**Problem to work on**
Where a line in the entries below contains the word "Wool", count it. Return the total alone.

[Opening Working data section]

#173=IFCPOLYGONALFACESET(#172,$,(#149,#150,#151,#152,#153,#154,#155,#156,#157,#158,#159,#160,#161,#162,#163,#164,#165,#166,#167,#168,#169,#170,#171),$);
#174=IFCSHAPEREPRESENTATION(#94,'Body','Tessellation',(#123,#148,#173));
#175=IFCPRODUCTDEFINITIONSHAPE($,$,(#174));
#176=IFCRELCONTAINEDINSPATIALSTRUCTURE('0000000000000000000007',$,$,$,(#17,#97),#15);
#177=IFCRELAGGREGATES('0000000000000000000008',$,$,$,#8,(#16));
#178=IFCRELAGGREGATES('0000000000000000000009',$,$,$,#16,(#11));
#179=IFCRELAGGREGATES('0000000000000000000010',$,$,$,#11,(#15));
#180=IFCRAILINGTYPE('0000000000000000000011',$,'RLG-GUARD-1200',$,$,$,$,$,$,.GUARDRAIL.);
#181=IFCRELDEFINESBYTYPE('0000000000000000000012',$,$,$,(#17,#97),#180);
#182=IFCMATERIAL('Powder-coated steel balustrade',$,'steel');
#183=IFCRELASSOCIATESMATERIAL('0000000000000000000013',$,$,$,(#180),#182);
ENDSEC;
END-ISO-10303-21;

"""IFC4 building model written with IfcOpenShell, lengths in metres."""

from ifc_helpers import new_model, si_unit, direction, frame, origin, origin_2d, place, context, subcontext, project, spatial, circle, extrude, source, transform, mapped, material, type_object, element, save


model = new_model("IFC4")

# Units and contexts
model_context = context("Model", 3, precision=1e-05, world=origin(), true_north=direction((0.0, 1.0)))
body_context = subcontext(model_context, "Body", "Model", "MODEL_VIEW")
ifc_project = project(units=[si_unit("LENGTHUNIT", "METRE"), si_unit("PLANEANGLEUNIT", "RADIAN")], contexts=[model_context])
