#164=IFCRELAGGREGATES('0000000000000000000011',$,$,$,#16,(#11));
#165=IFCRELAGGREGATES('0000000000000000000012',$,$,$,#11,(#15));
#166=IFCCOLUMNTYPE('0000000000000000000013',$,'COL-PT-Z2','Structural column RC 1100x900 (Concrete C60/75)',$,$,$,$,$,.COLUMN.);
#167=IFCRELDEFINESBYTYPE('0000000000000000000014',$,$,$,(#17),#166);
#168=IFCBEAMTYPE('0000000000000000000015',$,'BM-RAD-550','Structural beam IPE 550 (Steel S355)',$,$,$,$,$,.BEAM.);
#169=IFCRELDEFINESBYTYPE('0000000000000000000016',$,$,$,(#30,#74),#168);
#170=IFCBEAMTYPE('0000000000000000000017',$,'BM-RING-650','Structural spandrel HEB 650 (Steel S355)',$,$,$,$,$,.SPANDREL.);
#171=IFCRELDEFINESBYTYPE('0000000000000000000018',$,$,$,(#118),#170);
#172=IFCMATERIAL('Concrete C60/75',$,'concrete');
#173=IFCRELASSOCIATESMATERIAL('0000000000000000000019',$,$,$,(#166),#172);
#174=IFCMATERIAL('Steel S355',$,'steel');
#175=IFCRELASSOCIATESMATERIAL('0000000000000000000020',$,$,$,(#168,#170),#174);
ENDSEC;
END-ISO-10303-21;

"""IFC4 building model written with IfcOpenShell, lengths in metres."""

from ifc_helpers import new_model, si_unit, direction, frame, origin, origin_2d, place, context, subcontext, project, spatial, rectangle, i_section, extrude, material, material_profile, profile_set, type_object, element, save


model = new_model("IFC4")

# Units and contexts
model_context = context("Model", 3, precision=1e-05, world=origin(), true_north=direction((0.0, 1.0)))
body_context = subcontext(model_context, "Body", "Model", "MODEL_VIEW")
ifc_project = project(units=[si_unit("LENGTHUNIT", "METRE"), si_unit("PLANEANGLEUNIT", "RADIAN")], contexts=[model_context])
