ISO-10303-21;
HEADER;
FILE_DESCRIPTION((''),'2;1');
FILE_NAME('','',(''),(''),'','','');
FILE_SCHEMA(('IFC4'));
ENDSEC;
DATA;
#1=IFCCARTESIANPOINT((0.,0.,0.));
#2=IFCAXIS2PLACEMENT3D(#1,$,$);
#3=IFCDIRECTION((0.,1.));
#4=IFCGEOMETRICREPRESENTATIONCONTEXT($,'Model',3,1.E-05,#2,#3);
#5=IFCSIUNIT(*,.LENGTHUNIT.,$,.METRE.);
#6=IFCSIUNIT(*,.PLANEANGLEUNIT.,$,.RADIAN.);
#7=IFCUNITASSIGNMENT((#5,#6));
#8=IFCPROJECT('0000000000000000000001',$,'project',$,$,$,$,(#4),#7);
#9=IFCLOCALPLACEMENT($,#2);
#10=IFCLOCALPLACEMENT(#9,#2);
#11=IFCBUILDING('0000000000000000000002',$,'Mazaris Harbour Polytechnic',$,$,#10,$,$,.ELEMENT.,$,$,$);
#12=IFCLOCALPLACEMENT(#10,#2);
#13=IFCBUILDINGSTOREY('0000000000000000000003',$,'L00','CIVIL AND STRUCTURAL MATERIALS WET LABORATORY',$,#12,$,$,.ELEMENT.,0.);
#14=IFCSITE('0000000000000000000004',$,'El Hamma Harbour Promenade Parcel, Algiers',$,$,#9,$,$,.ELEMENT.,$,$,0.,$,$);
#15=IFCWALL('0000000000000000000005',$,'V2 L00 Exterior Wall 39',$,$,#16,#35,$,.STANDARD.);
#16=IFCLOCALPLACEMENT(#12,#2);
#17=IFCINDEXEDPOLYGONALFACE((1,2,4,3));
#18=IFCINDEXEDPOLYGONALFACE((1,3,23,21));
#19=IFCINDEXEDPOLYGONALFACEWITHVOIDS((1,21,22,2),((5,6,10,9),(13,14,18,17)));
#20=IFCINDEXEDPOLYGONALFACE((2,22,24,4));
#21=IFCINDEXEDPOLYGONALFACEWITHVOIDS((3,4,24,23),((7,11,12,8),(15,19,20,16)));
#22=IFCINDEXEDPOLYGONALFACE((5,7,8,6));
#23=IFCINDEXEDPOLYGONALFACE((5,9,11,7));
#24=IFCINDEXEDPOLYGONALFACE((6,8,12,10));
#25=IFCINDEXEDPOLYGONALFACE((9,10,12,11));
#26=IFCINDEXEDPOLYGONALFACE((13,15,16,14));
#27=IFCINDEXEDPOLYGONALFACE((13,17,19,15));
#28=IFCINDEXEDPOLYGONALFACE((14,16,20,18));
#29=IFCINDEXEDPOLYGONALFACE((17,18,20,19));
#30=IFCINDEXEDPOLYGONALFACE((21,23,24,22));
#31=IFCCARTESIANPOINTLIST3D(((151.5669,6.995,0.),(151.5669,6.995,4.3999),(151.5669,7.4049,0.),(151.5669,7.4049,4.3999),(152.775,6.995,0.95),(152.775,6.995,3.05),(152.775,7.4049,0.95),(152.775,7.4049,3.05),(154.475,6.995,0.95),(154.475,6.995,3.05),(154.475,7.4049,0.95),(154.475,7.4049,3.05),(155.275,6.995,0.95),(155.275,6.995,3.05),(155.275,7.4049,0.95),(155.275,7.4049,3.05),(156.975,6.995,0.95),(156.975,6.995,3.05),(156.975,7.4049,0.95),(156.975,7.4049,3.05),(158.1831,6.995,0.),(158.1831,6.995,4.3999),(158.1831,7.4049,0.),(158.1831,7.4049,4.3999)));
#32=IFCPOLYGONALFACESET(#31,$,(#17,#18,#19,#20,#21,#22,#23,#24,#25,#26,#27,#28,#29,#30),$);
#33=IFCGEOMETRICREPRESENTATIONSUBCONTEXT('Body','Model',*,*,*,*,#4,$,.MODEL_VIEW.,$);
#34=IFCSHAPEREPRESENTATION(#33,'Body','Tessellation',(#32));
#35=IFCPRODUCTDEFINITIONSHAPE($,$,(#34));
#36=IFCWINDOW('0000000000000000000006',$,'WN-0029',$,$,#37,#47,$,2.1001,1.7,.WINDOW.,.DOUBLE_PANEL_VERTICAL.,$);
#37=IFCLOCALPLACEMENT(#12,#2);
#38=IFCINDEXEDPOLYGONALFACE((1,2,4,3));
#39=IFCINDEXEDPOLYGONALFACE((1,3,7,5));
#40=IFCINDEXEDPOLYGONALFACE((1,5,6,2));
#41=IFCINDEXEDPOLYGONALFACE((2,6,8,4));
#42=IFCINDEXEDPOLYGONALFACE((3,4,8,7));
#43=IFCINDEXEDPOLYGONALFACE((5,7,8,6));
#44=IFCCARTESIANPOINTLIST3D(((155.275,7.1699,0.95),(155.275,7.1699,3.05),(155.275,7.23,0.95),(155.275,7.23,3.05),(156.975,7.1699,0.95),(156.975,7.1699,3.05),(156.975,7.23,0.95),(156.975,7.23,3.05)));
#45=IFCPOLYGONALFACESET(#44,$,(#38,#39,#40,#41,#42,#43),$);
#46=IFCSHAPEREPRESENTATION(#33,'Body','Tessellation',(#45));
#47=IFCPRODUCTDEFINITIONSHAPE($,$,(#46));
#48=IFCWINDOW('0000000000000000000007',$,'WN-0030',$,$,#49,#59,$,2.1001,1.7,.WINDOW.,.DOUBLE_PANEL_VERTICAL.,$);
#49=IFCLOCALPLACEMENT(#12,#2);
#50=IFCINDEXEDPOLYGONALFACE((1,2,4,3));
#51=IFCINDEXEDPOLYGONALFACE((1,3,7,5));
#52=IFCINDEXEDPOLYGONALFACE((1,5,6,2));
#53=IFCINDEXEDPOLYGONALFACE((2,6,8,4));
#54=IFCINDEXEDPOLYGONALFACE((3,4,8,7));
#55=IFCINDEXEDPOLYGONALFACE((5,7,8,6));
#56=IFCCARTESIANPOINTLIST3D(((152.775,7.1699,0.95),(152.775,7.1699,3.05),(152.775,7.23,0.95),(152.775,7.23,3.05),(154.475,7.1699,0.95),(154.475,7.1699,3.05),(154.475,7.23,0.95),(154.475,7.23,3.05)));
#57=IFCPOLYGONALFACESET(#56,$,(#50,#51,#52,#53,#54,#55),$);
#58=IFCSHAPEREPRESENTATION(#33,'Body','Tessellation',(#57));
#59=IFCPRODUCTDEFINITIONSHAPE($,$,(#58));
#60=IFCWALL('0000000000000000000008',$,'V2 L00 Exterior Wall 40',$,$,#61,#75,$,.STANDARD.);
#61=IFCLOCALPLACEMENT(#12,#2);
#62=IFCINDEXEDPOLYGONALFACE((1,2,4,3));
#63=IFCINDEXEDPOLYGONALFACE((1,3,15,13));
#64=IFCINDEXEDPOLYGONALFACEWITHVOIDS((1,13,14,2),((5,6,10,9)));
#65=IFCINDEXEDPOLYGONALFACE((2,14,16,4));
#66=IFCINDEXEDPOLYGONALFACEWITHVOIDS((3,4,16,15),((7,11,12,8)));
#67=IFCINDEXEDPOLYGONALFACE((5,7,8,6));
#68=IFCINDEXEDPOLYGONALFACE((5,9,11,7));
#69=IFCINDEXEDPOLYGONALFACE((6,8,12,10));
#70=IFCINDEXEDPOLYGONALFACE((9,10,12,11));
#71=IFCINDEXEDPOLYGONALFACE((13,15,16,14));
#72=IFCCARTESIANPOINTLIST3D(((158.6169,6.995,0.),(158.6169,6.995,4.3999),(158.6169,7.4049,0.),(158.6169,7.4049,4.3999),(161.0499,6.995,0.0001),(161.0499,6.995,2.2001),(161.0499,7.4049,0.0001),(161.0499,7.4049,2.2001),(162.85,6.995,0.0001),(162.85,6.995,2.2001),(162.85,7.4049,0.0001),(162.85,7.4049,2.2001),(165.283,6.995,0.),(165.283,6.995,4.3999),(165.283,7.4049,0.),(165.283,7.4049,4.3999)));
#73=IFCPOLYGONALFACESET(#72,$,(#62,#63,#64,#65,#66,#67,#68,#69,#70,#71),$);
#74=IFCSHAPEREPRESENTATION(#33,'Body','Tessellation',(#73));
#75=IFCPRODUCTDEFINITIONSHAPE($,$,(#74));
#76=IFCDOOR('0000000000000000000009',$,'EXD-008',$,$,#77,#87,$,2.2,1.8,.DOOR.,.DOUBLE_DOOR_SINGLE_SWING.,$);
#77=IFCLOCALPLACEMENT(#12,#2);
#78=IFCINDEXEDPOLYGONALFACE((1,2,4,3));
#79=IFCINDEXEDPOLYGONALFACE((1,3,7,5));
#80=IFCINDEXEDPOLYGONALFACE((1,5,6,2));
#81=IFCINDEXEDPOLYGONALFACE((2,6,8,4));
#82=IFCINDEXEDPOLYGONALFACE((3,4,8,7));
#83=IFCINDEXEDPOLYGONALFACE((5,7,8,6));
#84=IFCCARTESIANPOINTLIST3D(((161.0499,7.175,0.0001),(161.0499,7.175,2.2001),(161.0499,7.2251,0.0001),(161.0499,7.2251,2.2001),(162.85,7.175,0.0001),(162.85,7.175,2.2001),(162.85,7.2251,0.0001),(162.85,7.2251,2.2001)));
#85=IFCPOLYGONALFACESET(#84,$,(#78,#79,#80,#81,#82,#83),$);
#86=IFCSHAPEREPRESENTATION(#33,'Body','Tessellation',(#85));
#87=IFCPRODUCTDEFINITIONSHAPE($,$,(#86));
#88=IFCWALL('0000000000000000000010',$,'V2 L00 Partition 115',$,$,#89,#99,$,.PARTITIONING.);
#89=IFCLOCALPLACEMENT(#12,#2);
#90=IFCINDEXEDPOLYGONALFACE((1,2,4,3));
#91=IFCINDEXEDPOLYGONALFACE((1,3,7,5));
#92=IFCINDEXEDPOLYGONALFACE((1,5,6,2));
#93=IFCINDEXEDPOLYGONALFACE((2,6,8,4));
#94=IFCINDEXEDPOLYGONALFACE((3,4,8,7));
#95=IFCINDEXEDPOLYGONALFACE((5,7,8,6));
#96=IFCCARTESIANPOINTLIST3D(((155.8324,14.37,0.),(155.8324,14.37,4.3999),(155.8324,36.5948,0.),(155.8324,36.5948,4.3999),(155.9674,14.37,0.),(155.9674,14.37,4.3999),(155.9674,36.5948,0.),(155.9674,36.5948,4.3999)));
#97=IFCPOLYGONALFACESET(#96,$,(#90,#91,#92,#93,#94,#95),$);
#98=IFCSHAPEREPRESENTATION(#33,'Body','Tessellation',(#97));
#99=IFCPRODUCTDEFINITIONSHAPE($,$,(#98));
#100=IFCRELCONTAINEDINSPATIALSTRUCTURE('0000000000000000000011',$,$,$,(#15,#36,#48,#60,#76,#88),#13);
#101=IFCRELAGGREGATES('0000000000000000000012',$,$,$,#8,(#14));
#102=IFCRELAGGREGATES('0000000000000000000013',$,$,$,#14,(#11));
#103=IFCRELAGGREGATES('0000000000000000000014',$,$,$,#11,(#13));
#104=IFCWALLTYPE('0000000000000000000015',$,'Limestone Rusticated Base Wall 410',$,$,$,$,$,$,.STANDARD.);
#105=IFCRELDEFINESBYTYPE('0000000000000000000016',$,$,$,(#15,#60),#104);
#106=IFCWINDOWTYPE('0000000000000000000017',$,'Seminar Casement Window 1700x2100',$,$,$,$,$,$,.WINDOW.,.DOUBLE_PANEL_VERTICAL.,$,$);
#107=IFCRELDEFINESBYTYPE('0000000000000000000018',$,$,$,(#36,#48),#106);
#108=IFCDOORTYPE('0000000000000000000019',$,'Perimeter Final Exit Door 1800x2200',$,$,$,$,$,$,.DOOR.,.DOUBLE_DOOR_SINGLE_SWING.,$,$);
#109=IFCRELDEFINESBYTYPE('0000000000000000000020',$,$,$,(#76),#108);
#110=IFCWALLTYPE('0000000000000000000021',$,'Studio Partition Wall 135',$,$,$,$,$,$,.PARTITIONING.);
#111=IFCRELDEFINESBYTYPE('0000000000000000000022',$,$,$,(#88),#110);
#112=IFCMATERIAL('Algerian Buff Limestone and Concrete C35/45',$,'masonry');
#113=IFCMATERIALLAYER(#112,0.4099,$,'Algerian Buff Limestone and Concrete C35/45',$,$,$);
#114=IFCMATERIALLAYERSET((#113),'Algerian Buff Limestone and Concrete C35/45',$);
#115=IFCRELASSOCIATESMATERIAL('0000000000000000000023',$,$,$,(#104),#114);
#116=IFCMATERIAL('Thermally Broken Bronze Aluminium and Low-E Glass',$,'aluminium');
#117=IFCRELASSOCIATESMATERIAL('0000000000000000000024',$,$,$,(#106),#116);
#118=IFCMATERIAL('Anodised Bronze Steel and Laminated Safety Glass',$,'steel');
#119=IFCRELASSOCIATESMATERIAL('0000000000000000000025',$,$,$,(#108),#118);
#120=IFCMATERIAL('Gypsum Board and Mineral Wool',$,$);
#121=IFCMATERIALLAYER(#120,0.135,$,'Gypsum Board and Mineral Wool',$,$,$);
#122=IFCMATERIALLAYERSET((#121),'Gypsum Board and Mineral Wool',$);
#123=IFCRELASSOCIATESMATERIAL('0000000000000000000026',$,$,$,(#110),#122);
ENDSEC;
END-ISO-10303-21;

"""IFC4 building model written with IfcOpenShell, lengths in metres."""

from ifc_helpers import new_model, si_unit, direction, frame, frame_2d, origin, place, context, subcontext, project, spatial, rectangle, extrude, material, layer, layer_set, type_object, element, fill, save


model = new_model("IFC4")

# Units and contexts
model_context = context("Model", 3, precision=1e-05, world=origin(), true_north=direction((0.0, 1.0)))
body_context = subcontext(model_context, "Body", "Model", "MODEL_VIEW")
ifc_project = project(units=[si_unit("LENGTHUNIT", "METRE"), si_unit("PLANEANGLEUNIT", "RADIAN")], contexts=[model_context])

# Site, building, storey
site_placement = place(None, origin())
site = spatial("IfcSite", under=ifc_project, at=site_placement, Name="El Hamma Harbour Promenade Parcel, Algiers", CompositionType="ELEMENT", RefElevation=0.0)
building_placement = place(site_placement, origin())
building = spatial("IfcBuilding", under=site, at=building_placement, Name="Mazaris Harbour Polytechnic", CompositionType="ELEMENT")
storey_placement = place(building_placement, origin())
storey = spatial("IfcBuildingStorey", under=building, at=storey_placement, Name="L00", Description="CIVIL AND STRUCTURAL MATERIALS WET LABORATORY", CompositionType="ELEMENT", Elevation=0.0)

# Wall, openings, windows
ifc_material_1 = material(Name="Algerian Buff Limestone and Concrete C35/45", Category="masonry")
ifc_layer_1 = layer(ifc_material_1, 0.4099, Name="Algerian Buff Limestone and Concrete C35/45")
ifc_layer_set_1 = layer_set([ifc_layer_1], Name="Algerian Buff Limestone and Concrete C35/45")
wall_type_1 = type_object("IfcWallType", Name="Limestone Rusticated Base Wall 410", PredefinedType="STANDARD", material=ifc_layer_set_1)
wall_1_placement = place(storey_placement, frame((158.1831, 7.2, 0.0), z_axis=(0.0, 0.0, 1.0), x_axis=(-1.0, 0.0, 0.0)))
wall_1 = element("IfcWall", 1, at=wall_1_placement, inside=storey, type_object=wall_type_1, Name="V2 L00 Exterior Wall 39", PredefinedType="STANDARD", context=body_context, shape_type="SweptSolid", body=[
    extrude(rectangle(XDim=6.6162, YDim=0.4099, at=frame_2d((3.3081, 0.0))), origin(), (0.0, 0.0, 1.0), 4.3999),
])
opening_1_placement = place(wall_1_placement, frame((1.208, 0.0, 0.95)))
opening_1 = element("IfcOpeningElement", 2, at=opening_1_placement, cuts=wall_1, PredefinedType="OPENING", context=body_context, shape_type="SweptSolid", body=[
    extrude(rectangle(XDim=1.7, YDim=2.1001, at=frame_2d((0.8501, 1.05))), frame((0.0, 0.2148, 0.0), z_axis=(0.0, -1.0, 0.0), x_axis=(1.0, 0.0, 0.0)), (0.0, 0.0, 1.0), 0.4299),
])
opening_2_placement = place(wall_1_placement, frame((3.708, 0.0, 0.95)))
opening_2 = element("IfcOpeningElement", 3, at=opening_2_placement, cuts=wall_1, PredefinedType="OPENING", context=body_context, shape_type="SweptSolid", body=[
    extrude(rectangle(XDim=1.7, YDim=2.1001, at=frame_2d((0.8501, 1.05))), frame((0.0, 0.2148, 0.0), z_axis=(0.0, -1.0, 0.0), x_axis=(1.0, 0.0, 0.0)), (0.0, 0.0, 1.0), 0.4299),
])
ifc_material_2 = material(Name="Thermally Broken Bronze Aluminium and Low-E Glass", Category="aluminium")
window_type = type_object("IfcWindowType", Name="Seminar Casement Window 1700x2100", PartitioningType="DOUBLE_PANEL_VERTICAL", PredefinedType="WINDOW", material=ifc_material_2)
window_1_placement = place(opening_1_placement, origin())
window_1 = element("IfcWindow", 4, at=window_1_placement, inside=storey, type_object=window_type, Name="WN-0029", OverallHeight=2.1001, OverallWidth=1.7, PartitioningType="DOUBLE_PANEL_VERTICAL", PredefinedType="WINDOW", context=body_context, shape_type="SweptSolid", body=[
    extrude(rectangle(XDim=1.7, YDim=2.1001, at=frame_2d((0.8501, 1.05))), frame((0.0, 0.03, 0.0), z_axis=(0.0, -1.0, 0.0), x_axis=(1.0, 0.0, 0.0)), (0.0, 0.0, 1.0), 0.0601),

[Closing Working data section]

**Result for this task**
3